## Action item
If a line in the entries below contains the word "IFCRELAGGREGATES", it counts; report how many such lines there are, and only that number.
*****
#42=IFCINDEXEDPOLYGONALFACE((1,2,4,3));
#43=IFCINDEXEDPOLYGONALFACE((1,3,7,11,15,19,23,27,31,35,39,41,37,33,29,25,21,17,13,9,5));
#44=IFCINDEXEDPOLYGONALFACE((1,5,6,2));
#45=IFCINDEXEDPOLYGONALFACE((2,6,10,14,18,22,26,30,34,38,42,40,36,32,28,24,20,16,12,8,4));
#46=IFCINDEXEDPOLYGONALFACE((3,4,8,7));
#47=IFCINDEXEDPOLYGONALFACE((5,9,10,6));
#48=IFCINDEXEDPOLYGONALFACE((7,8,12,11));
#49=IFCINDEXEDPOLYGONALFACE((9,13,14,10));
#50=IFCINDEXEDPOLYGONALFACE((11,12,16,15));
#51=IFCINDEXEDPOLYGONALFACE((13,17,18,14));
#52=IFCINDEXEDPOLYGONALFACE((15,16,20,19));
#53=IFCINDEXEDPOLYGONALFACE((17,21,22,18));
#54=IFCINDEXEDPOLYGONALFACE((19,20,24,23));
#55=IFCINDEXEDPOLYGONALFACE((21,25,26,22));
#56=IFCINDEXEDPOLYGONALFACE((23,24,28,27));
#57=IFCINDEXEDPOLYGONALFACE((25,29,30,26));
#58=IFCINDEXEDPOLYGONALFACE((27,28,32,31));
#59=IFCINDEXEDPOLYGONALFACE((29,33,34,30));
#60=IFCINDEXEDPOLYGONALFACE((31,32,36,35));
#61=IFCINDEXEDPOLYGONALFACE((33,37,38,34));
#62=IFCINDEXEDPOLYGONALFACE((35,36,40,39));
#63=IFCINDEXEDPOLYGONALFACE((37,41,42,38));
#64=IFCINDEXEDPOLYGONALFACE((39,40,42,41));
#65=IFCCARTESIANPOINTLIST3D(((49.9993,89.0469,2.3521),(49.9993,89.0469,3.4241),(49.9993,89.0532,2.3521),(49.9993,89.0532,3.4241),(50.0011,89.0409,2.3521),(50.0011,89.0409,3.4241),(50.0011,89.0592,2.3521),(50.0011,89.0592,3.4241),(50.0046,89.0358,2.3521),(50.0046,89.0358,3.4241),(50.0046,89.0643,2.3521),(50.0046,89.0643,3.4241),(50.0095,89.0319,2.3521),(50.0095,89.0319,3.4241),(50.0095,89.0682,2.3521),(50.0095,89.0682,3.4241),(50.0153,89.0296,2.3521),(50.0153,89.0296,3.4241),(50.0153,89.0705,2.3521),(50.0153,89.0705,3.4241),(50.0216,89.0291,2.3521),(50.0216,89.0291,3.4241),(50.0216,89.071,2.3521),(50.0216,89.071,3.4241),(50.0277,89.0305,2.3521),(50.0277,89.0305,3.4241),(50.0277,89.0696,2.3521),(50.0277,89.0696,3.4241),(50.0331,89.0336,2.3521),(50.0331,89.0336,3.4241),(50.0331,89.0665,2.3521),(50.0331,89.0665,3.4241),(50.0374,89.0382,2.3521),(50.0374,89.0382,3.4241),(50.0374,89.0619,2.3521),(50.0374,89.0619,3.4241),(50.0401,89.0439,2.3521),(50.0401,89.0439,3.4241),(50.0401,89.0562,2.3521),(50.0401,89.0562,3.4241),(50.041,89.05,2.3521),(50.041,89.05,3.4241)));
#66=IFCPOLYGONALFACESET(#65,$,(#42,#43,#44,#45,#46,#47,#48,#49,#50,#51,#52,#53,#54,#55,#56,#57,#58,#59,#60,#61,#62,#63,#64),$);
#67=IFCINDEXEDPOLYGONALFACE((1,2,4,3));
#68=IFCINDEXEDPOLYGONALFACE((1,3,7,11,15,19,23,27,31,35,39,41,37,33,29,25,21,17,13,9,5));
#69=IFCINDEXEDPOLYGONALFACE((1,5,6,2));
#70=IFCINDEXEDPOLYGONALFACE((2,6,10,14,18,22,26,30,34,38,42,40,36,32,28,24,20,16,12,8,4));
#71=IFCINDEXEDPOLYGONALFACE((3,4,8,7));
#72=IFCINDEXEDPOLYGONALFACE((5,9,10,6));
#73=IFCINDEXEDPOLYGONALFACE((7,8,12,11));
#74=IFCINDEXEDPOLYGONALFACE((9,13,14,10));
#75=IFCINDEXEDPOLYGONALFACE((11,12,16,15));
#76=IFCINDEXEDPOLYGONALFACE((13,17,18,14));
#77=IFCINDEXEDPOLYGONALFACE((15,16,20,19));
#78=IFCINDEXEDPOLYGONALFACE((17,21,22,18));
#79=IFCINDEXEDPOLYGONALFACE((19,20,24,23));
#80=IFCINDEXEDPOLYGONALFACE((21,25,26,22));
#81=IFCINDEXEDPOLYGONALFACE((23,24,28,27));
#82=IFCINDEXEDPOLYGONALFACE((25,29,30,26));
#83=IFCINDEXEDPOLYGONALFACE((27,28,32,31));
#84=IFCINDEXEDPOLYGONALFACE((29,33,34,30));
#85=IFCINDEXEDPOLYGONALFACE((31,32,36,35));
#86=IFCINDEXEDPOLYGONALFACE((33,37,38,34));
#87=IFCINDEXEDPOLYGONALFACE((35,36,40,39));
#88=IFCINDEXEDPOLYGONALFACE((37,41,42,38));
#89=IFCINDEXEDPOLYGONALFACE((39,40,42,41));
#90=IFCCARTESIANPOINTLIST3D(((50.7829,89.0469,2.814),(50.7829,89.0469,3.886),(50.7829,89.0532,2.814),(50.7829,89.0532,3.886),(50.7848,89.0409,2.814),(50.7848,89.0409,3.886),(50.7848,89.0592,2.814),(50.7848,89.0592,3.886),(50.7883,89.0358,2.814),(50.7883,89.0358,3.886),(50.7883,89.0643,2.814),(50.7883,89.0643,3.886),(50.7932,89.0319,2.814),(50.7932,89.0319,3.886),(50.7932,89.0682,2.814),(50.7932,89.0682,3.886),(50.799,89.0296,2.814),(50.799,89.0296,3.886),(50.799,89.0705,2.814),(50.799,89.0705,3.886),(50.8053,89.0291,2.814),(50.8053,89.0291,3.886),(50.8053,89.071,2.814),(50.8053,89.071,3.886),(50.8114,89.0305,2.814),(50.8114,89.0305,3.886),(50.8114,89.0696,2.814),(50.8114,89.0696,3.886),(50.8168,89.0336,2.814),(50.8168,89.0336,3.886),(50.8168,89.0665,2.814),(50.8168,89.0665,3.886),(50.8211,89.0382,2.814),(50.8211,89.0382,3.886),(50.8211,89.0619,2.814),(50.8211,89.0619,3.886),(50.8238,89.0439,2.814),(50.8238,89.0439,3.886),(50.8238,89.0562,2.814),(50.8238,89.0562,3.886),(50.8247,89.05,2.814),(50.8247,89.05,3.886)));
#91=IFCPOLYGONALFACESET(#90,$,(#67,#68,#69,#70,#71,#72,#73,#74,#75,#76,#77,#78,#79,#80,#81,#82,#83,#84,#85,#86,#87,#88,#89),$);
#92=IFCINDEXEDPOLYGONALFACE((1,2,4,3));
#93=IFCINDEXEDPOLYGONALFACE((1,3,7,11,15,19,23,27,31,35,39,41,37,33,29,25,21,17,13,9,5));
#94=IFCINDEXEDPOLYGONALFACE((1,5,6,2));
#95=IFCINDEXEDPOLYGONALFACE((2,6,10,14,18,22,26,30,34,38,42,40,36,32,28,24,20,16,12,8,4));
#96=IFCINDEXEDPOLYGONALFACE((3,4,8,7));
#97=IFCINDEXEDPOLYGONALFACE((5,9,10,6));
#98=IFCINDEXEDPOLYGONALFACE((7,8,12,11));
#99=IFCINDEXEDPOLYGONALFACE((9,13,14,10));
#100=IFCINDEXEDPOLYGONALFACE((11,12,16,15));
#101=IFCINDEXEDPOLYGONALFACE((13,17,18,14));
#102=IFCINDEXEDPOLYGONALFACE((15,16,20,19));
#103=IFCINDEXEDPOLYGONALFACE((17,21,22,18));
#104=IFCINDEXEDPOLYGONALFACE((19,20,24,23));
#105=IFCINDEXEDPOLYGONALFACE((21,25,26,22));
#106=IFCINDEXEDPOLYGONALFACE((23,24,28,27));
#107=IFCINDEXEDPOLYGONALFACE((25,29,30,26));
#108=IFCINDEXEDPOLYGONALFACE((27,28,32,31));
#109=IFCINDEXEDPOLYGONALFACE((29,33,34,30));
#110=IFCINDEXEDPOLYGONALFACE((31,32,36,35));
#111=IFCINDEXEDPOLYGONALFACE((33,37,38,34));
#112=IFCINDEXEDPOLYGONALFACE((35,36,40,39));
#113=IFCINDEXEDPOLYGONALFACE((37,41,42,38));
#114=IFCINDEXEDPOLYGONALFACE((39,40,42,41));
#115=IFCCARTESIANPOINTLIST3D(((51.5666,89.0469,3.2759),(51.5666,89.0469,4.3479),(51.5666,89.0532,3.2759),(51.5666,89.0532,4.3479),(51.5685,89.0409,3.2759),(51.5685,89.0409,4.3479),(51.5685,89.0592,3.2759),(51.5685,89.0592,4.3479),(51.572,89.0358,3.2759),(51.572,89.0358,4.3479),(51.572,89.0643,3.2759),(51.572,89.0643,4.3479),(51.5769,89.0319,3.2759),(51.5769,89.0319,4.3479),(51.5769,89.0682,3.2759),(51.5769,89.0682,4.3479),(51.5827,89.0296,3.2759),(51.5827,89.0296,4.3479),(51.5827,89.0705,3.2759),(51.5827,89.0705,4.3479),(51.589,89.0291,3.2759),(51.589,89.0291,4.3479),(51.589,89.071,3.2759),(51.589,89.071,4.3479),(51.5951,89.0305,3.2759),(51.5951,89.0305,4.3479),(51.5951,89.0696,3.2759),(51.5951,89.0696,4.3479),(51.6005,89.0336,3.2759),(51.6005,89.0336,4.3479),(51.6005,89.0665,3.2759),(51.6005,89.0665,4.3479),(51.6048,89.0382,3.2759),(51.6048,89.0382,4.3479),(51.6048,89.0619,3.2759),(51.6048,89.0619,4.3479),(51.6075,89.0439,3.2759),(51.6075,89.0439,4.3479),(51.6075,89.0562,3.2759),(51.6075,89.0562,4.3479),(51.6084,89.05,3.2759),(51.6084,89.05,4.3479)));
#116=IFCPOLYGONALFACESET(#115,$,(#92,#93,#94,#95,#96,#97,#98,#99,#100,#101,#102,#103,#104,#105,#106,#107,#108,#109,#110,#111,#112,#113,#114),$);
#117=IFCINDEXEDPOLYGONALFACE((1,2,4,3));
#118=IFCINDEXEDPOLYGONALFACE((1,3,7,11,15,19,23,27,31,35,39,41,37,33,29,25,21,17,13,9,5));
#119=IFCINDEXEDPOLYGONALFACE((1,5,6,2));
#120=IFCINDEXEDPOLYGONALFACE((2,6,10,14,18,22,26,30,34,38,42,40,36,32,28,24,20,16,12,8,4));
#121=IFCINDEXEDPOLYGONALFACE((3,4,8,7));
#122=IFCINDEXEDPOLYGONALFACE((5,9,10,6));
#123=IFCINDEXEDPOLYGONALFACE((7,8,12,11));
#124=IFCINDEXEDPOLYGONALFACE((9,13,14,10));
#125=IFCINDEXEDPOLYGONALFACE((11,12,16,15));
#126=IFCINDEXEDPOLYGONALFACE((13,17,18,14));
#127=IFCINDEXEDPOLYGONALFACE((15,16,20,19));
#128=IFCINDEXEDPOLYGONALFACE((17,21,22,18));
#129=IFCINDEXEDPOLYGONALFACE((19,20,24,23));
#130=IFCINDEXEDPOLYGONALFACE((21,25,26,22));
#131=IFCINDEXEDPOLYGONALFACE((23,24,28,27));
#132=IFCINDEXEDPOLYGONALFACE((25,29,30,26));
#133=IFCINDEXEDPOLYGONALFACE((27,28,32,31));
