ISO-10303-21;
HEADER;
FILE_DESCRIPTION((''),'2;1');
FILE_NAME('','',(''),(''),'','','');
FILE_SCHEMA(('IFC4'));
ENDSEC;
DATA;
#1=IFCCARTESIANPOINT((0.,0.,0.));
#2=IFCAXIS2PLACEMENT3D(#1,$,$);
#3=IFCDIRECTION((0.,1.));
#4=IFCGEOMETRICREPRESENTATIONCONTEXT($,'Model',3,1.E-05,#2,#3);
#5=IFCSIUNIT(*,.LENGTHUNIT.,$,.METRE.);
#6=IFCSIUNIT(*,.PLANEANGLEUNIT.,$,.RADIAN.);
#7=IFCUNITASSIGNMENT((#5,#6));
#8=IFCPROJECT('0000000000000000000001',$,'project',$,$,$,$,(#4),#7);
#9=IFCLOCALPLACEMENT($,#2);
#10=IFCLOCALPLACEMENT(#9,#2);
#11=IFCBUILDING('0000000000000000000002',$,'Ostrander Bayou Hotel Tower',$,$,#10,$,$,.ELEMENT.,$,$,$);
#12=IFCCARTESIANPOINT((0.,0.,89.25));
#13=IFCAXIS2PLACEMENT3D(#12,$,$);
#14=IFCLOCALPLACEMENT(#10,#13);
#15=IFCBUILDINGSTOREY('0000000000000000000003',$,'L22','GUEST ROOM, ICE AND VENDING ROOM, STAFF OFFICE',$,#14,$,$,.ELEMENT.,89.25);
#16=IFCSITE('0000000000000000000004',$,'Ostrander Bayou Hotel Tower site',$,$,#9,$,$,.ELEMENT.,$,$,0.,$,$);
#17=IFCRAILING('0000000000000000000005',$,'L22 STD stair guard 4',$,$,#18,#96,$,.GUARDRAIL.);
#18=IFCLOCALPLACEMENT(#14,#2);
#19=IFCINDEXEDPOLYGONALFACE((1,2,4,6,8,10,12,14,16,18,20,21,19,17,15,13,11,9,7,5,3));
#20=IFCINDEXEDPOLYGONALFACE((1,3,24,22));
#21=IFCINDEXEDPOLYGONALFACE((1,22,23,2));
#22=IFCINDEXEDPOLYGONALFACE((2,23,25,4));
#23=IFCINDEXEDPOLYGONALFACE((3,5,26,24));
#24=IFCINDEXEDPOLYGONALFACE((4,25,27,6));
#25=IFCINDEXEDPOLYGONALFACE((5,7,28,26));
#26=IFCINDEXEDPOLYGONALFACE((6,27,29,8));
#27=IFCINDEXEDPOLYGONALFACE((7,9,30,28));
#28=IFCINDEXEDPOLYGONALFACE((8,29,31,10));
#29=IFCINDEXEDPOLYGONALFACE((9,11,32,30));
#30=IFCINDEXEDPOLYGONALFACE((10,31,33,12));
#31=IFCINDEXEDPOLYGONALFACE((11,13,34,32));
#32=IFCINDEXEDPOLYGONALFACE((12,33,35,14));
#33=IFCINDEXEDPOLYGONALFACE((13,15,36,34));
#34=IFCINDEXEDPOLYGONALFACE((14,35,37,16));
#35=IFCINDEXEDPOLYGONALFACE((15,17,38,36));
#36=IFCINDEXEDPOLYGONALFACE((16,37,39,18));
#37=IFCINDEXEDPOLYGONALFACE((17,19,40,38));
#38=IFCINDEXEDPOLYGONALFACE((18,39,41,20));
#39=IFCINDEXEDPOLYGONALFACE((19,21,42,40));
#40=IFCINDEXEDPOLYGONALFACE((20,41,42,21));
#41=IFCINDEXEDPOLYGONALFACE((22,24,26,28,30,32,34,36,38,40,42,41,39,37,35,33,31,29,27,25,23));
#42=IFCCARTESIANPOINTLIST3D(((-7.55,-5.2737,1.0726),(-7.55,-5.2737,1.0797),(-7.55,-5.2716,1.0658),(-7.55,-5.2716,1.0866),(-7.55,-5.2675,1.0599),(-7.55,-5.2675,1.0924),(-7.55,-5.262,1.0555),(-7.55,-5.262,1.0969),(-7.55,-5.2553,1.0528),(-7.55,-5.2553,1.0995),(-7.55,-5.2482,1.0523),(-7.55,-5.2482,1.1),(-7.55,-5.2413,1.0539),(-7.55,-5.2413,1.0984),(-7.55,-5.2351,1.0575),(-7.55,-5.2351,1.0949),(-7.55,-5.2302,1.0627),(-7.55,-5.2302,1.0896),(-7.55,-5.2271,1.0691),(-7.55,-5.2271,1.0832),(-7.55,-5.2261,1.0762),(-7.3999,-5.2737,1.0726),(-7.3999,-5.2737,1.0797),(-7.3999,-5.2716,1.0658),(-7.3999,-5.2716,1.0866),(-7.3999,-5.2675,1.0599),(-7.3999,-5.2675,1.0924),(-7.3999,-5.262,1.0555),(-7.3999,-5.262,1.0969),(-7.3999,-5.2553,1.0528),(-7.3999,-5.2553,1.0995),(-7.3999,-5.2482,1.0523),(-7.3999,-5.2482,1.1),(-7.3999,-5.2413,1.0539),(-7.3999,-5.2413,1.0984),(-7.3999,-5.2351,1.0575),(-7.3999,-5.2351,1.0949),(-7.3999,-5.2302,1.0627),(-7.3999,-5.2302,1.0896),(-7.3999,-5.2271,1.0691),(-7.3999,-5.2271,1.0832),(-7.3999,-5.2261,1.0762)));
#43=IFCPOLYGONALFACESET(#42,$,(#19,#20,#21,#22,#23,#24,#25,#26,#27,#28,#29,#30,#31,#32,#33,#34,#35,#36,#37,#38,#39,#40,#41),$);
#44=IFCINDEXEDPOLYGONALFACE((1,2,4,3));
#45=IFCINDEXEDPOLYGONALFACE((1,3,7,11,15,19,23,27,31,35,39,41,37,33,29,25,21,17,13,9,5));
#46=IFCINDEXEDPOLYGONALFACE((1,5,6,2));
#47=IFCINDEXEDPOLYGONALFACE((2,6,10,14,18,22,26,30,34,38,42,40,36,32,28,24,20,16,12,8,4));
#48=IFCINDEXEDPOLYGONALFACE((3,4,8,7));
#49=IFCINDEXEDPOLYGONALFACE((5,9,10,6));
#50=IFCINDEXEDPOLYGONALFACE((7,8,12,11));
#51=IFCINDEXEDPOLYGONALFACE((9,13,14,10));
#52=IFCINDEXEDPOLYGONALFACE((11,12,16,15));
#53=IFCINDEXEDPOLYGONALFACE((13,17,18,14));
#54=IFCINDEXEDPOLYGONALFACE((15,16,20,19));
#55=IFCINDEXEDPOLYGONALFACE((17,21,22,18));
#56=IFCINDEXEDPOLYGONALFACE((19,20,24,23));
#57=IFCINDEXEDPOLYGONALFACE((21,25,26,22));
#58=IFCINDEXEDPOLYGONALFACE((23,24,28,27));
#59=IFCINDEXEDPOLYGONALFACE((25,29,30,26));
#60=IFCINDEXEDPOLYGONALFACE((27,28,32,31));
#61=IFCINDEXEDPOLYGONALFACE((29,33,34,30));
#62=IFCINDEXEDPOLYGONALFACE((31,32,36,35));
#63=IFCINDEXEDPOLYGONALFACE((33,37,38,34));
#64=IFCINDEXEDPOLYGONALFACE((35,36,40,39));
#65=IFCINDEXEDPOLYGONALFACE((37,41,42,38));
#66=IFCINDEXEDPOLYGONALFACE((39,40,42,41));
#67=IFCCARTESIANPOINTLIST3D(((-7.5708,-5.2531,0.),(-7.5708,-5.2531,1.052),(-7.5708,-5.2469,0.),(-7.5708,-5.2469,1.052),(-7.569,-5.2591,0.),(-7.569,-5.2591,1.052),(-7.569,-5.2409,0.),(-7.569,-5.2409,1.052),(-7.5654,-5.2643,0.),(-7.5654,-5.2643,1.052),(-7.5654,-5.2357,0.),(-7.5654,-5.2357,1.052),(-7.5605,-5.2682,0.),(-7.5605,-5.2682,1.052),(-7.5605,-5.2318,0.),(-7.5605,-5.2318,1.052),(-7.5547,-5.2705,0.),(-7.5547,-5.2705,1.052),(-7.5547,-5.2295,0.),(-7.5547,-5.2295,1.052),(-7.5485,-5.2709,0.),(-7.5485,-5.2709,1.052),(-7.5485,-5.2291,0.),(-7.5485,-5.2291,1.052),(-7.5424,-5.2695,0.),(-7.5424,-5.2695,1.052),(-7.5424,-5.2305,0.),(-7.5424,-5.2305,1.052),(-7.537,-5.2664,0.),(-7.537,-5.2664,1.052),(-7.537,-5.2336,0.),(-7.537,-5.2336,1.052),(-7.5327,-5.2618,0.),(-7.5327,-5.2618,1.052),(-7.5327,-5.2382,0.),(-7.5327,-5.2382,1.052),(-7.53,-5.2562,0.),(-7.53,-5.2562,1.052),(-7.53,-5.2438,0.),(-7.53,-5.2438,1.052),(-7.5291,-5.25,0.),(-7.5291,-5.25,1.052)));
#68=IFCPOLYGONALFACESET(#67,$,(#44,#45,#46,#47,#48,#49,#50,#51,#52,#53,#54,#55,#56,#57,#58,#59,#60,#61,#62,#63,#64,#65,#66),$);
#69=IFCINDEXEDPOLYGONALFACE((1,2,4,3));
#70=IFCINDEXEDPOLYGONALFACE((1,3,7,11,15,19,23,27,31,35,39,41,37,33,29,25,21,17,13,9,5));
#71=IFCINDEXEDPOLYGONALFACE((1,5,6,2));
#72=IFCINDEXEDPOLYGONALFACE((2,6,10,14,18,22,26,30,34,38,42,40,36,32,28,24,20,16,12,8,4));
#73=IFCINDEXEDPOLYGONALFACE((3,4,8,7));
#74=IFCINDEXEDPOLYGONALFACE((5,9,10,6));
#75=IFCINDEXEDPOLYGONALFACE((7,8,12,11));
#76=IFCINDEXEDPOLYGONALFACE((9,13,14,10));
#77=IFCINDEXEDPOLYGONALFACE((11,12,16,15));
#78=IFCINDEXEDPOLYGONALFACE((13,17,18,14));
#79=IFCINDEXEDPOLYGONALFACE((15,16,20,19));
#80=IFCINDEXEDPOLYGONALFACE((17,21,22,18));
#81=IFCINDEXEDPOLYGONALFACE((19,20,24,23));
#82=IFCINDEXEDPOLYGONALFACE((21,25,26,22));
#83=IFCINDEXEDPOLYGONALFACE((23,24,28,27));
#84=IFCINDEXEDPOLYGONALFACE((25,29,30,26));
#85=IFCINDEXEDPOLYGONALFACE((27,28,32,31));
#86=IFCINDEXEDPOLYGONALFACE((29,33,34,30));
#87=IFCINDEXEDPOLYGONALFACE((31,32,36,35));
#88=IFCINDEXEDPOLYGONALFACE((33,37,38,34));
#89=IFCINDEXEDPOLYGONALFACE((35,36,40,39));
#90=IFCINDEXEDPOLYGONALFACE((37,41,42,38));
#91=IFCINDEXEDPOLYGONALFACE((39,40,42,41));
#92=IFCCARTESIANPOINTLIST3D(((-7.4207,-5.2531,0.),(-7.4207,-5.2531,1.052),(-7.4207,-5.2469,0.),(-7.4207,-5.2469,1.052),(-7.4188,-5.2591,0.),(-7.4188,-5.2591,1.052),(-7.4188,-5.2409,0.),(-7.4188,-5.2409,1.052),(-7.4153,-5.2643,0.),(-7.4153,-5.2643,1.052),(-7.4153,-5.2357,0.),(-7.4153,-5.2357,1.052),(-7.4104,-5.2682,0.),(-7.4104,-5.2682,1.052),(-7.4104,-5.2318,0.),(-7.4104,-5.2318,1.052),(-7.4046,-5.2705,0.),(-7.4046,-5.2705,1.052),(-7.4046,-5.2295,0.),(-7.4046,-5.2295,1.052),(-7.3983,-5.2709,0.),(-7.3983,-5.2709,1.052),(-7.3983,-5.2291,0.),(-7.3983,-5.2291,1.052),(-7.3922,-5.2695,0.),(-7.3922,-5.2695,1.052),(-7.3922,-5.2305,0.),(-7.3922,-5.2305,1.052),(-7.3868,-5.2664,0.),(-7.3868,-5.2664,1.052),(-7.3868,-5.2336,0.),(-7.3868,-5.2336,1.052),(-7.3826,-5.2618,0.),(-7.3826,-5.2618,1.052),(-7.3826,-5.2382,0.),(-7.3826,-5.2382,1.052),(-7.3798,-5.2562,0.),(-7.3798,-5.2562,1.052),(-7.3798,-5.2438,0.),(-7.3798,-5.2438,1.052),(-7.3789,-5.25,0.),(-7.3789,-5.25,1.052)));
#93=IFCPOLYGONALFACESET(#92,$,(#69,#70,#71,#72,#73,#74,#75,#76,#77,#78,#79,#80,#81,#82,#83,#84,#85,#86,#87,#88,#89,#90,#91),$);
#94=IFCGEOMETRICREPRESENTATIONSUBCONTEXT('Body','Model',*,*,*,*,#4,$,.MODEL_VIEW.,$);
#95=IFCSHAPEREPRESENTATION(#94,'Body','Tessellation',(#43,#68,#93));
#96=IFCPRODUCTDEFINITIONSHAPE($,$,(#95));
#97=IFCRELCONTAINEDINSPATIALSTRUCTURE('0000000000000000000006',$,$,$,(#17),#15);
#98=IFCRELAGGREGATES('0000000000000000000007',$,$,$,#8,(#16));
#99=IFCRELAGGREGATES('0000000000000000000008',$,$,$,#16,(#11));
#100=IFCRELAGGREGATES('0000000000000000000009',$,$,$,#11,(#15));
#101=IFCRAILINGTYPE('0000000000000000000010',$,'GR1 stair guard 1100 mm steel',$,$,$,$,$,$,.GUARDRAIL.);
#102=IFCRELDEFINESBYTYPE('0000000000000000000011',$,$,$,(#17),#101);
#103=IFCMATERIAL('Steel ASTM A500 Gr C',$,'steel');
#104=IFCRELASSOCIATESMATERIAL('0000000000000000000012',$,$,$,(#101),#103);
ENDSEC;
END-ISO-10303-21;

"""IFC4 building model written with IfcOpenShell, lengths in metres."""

from ifc_helpers import new_model, si_unit, direction, frame, origin, origin_2d, place, context, subcontext, project, spatial, circle, extrude, material, type_object, element, save


model = new_model("IFC4")

# Units and contexts
model_context = context("Model", 3, precision=1e-05, world=origin(), true_north=direction((0.0, 1.0)))
body_context = subcontext(model_context, "Body", "Model", "MODEL_VIEW")
ifc_project = project(units=[si_unit("LENGTHUNIT", "METRE"), si_unit("PLANEANGLEUNIT", "RADIAN")], contexts=[model_context])

# Site, building, storey
site_placement = place(None, origin())
site = spatial("IfcSite", under=ifc_project, at=site_placement, Name="Ostrander Bayou Hotel Tower site", CompositionType="ELEMENT", RefElevation=0.0)
building_placement = place(site_placement, origin())
building = spatial("IfcBuilding", under=site, at=building_placement, Name="Ostrander Bayou Hotel Tower", CompositionType="ELEMENT")
storey_placement = place(building_placement, frame((0.0, 0.0, 89.25)))
storey = spatial("IfcBuildingStorey", under=building, at=storey_placement, Name="L22", Description="GUEST ROOM, ICE AND VENDING ROOM, STAFF OFFICE", CompositionType="ELEMENT", Elevation=89.25)

# Railing
ifc_material_1 = material(Name="Steel ASTM A500 Gr C", Category="steel")
railing_type_1 = type_object("IfcRailingType", Name="GR1 stair guard 1100 mm steel", PredefinedType="GUARDRAIL", material=ifc_material_1)
railing_1_placement = place(storey_placement, frame((-7.55, -5.25, 0.0)))
element("IfcRailing", 1, at=railing_1_placement, inside=storey, type_object=railing_type_1, Name="L22 STD stair guard 4", PredefinedType="GUARDRAIL", context=body_context, shape_type="SweptSolid", body=[
    extrude(circle(Radius=0.0239, at=origin_2d()), frame((0.0, 0.0, 1.0762), z_axis=(1.0, 0.0, 0.0), x_axis=(0.0, 1.0, 0.0)), (0.0, 0.0, 1.0), 0.1501),
    extrude(circle(Radius=0.021, at=origin_2d()), origin(), (0.0, 0.0, 1.0), 1.052),
    extrude(circle(Radius=0.021, at=origin_2d()), frame((0.1501, 0.0, 0.0)), (0.0, 0.0, 1.0), 1.052),
])

save(model, "model.ifc")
*****
## Answer
3